== Data for review

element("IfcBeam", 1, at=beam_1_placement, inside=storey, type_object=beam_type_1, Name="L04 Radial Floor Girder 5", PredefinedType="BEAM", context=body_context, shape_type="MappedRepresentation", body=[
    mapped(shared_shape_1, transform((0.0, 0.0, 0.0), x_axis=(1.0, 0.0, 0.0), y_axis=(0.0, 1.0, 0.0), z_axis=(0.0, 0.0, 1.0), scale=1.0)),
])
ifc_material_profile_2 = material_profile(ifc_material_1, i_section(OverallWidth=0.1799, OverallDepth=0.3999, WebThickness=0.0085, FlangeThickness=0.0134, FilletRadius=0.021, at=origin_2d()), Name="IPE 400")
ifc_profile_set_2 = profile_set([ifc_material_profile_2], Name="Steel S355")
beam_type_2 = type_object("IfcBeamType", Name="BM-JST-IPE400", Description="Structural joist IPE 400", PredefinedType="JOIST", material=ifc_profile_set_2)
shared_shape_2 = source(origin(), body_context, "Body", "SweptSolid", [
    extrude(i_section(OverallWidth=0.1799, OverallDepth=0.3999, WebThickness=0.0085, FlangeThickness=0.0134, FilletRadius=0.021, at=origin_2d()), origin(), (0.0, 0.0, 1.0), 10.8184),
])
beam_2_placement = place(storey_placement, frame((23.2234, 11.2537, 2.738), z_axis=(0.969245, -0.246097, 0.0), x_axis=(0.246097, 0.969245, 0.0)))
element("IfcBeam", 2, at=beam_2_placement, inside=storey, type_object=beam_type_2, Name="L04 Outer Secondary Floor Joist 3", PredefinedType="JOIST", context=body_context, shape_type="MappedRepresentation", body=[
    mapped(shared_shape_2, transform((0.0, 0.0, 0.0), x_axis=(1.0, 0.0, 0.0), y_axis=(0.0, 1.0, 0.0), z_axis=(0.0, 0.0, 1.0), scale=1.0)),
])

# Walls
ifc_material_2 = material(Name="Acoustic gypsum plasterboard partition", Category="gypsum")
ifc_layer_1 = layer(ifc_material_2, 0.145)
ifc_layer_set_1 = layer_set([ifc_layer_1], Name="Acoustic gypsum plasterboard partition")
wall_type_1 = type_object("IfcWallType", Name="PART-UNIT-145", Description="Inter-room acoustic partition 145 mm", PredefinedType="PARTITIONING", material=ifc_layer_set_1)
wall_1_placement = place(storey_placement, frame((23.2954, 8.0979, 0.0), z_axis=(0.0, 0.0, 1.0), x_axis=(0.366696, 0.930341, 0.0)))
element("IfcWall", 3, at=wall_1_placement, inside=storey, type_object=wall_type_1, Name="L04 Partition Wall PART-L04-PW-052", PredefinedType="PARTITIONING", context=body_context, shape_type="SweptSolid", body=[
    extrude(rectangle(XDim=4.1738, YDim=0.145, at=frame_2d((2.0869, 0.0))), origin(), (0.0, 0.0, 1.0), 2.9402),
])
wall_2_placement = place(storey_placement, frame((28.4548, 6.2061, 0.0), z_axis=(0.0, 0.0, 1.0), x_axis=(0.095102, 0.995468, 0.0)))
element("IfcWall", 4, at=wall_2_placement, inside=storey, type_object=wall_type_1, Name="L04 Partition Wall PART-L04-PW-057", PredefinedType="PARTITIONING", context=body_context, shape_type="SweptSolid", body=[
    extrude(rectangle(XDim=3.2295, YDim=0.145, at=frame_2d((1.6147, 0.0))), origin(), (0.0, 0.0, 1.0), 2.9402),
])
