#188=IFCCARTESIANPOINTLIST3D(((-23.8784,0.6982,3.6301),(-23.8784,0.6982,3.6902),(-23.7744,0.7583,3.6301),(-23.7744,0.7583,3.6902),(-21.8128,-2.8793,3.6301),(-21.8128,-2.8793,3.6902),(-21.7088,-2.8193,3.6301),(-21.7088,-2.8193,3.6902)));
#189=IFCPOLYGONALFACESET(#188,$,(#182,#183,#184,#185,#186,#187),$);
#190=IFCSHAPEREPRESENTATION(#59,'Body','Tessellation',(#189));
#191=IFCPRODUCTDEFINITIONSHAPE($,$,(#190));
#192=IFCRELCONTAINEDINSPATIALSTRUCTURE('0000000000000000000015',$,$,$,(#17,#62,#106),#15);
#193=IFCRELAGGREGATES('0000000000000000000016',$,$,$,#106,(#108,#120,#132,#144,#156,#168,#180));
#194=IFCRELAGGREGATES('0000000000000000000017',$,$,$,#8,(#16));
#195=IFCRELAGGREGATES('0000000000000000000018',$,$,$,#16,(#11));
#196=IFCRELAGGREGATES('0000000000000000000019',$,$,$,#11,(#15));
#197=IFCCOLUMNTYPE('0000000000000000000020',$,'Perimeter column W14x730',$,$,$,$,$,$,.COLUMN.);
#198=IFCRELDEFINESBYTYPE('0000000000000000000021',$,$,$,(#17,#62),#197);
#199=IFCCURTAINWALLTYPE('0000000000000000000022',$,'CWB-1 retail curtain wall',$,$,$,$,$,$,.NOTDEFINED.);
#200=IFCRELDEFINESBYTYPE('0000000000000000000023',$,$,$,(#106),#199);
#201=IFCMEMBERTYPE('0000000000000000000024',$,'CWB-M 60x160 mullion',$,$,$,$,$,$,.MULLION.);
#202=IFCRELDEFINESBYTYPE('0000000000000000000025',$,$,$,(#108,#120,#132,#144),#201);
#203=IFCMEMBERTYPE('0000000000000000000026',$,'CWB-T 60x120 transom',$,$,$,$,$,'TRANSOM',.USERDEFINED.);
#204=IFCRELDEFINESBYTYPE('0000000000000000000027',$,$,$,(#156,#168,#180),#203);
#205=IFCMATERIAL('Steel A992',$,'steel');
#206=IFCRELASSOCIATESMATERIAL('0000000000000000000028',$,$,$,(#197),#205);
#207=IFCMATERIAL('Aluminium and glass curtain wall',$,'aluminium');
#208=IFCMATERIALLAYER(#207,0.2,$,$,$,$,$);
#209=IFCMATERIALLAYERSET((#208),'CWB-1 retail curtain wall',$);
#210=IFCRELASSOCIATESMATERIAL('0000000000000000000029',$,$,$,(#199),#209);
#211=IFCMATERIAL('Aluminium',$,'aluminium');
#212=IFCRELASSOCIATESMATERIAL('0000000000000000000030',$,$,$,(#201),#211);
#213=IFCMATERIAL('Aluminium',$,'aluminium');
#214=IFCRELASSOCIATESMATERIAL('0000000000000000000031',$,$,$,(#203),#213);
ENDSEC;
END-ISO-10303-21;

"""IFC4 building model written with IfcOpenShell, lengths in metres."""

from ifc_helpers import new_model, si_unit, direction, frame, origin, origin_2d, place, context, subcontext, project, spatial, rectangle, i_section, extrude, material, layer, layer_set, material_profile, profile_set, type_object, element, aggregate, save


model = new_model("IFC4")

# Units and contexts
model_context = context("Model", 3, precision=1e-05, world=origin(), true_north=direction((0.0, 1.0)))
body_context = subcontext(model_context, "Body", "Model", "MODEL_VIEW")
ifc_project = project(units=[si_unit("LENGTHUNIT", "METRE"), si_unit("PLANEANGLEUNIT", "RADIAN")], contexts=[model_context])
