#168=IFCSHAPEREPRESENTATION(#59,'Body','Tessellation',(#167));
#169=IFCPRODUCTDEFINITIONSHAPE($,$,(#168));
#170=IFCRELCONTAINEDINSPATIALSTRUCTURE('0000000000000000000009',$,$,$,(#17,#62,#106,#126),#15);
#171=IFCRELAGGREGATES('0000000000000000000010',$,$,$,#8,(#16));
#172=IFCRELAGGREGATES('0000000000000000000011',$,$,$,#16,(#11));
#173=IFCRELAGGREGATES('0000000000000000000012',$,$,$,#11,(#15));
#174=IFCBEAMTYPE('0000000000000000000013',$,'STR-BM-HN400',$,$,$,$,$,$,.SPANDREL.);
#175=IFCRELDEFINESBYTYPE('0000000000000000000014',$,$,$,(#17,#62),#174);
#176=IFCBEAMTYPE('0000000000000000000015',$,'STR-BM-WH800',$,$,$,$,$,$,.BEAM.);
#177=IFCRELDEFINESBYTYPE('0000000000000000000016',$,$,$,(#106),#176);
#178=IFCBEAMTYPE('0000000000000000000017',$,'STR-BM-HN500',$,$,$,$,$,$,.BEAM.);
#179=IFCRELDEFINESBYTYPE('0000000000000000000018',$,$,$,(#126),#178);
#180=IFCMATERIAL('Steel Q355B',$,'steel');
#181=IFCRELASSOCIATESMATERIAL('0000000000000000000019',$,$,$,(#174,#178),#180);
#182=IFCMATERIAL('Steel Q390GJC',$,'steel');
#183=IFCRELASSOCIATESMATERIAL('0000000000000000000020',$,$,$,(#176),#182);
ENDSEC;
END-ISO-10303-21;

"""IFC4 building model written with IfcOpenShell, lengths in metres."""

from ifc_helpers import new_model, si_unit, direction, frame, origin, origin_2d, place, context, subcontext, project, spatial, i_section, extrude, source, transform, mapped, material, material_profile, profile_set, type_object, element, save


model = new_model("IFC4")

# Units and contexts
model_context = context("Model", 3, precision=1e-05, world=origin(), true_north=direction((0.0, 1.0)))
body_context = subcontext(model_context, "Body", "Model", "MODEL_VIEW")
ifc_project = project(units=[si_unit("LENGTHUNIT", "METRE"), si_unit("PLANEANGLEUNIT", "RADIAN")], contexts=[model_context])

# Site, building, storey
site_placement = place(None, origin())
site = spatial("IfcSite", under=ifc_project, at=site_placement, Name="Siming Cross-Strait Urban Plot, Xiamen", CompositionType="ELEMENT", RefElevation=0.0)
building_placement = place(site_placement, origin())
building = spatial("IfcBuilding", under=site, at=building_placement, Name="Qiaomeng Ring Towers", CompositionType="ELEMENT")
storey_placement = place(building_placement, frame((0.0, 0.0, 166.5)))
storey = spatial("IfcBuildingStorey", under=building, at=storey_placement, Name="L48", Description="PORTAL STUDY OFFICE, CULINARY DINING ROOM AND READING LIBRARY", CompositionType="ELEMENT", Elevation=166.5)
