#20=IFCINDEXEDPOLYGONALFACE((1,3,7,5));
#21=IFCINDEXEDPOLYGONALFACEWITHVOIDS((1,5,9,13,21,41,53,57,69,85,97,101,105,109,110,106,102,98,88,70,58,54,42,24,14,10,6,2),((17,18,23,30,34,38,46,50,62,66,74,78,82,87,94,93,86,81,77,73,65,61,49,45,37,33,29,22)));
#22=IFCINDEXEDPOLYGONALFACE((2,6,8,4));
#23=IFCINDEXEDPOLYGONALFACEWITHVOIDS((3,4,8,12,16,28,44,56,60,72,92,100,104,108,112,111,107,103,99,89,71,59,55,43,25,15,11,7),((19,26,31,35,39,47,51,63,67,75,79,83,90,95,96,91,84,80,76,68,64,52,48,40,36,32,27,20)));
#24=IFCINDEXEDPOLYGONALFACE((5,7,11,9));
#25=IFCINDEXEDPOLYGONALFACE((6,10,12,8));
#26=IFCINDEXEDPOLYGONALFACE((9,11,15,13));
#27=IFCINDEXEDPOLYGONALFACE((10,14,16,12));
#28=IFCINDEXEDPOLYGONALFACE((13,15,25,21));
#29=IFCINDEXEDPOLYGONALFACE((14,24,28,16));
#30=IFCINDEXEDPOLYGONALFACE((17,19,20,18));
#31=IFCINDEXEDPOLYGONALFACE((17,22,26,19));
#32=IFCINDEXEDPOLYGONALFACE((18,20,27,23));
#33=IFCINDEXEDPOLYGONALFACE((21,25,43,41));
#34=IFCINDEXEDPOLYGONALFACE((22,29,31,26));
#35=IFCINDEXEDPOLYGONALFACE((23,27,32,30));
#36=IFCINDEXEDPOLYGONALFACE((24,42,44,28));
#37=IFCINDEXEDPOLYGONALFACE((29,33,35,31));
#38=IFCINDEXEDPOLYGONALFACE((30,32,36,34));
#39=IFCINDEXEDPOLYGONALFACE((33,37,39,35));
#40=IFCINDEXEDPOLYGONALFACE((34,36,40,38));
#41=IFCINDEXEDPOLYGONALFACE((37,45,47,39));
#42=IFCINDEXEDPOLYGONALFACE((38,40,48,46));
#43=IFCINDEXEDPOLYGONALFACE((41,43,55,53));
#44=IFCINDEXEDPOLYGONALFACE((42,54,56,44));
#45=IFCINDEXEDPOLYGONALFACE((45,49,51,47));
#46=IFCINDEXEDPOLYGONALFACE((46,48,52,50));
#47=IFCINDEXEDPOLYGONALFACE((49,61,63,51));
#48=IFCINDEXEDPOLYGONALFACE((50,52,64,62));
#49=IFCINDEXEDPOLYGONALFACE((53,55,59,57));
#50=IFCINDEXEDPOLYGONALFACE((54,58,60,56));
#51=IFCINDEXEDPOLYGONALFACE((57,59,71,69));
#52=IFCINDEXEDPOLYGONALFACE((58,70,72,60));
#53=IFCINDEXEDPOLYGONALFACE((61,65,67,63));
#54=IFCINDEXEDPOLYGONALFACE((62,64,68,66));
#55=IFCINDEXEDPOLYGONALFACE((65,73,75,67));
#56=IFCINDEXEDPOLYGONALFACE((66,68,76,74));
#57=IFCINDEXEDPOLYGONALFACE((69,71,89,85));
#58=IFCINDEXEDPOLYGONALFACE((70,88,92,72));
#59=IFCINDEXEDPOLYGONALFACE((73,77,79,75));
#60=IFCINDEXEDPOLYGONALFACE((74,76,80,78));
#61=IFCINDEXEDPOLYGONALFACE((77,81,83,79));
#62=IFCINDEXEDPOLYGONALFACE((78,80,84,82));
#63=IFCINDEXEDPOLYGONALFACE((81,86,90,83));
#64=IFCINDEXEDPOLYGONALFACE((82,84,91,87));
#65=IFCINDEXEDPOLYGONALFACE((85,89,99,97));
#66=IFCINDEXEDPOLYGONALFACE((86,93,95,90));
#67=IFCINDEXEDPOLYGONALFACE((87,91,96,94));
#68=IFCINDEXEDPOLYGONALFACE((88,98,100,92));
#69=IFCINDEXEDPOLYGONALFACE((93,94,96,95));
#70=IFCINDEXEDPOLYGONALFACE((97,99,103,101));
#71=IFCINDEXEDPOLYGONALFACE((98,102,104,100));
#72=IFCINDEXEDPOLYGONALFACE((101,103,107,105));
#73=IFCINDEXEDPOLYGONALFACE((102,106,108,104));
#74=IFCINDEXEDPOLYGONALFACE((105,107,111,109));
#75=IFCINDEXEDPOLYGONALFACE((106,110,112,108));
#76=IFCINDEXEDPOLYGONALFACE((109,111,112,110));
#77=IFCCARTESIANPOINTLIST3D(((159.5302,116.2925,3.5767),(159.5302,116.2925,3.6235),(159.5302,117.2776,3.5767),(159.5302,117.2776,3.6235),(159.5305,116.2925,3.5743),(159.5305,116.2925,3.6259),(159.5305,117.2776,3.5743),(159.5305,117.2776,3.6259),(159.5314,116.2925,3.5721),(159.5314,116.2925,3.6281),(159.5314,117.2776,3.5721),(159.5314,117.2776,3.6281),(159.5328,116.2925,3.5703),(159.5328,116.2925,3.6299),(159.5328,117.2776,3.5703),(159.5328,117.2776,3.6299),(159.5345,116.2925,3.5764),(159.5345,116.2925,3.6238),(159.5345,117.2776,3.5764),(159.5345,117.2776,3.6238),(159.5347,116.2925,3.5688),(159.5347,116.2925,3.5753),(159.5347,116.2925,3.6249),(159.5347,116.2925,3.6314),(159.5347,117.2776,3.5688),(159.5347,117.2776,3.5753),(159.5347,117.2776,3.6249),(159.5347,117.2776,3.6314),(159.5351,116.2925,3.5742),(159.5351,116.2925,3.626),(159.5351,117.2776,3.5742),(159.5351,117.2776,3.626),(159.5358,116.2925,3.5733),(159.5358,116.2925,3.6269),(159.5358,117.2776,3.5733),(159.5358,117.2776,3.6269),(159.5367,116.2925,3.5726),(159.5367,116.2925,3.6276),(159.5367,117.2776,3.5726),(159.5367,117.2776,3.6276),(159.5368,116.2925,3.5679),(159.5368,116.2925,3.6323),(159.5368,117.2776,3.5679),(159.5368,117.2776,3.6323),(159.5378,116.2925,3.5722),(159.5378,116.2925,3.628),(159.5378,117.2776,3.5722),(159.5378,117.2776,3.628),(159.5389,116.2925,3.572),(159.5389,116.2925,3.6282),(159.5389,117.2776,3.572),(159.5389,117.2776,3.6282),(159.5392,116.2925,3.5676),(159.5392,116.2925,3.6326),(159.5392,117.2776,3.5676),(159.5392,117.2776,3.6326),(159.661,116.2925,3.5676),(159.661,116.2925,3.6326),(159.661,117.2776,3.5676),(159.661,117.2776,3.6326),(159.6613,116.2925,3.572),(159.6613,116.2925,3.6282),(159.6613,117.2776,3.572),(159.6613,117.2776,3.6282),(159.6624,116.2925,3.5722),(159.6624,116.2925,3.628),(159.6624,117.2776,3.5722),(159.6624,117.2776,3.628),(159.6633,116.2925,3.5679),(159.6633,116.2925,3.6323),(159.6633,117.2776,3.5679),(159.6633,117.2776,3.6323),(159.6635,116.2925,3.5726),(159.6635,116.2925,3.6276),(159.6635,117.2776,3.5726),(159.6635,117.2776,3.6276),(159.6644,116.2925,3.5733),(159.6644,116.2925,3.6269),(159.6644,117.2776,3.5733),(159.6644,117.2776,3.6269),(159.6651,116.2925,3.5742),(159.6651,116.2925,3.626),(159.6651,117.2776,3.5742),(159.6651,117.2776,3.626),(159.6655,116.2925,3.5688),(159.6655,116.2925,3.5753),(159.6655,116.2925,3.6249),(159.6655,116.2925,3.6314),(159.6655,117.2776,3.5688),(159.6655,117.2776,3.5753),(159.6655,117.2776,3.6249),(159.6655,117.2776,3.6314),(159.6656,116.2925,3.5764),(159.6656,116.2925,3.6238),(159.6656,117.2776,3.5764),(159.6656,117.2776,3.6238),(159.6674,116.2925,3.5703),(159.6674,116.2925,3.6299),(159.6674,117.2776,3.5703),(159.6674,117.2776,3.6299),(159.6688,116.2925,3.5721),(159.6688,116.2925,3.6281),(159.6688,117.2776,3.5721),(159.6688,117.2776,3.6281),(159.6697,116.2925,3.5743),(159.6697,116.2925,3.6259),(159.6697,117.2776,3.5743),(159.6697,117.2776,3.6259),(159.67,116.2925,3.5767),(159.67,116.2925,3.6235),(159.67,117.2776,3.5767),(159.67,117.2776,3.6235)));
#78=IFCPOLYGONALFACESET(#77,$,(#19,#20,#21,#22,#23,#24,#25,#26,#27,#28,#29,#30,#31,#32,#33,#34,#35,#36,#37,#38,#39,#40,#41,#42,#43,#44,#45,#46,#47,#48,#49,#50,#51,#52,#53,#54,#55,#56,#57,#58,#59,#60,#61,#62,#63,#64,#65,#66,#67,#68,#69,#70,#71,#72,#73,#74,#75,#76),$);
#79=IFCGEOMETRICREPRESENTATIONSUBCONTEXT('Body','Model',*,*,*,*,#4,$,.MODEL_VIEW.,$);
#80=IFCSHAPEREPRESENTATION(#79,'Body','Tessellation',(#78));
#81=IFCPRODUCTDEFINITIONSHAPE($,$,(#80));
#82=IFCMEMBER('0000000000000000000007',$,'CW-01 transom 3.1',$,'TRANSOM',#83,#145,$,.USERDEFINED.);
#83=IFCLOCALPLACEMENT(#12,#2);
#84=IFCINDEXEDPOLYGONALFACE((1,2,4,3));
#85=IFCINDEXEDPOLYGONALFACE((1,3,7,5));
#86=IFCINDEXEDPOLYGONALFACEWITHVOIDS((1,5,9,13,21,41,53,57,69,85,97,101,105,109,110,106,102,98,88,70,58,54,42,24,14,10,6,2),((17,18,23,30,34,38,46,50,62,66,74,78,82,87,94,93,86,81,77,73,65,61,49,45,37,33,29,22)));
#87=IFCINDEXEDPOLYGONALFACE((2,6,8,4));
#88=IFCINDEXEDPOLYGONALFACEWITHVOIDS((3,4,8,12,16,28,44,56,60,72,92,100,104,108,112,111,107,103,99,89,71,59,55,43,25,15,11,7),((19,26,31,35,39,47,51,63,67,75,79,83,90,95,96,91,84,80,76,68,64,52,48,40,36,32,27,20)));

====

Problem details. Exactly how many lines in the data above contain the word "Aluminium"? Respond with the number and nothing more.

Exercise response. 3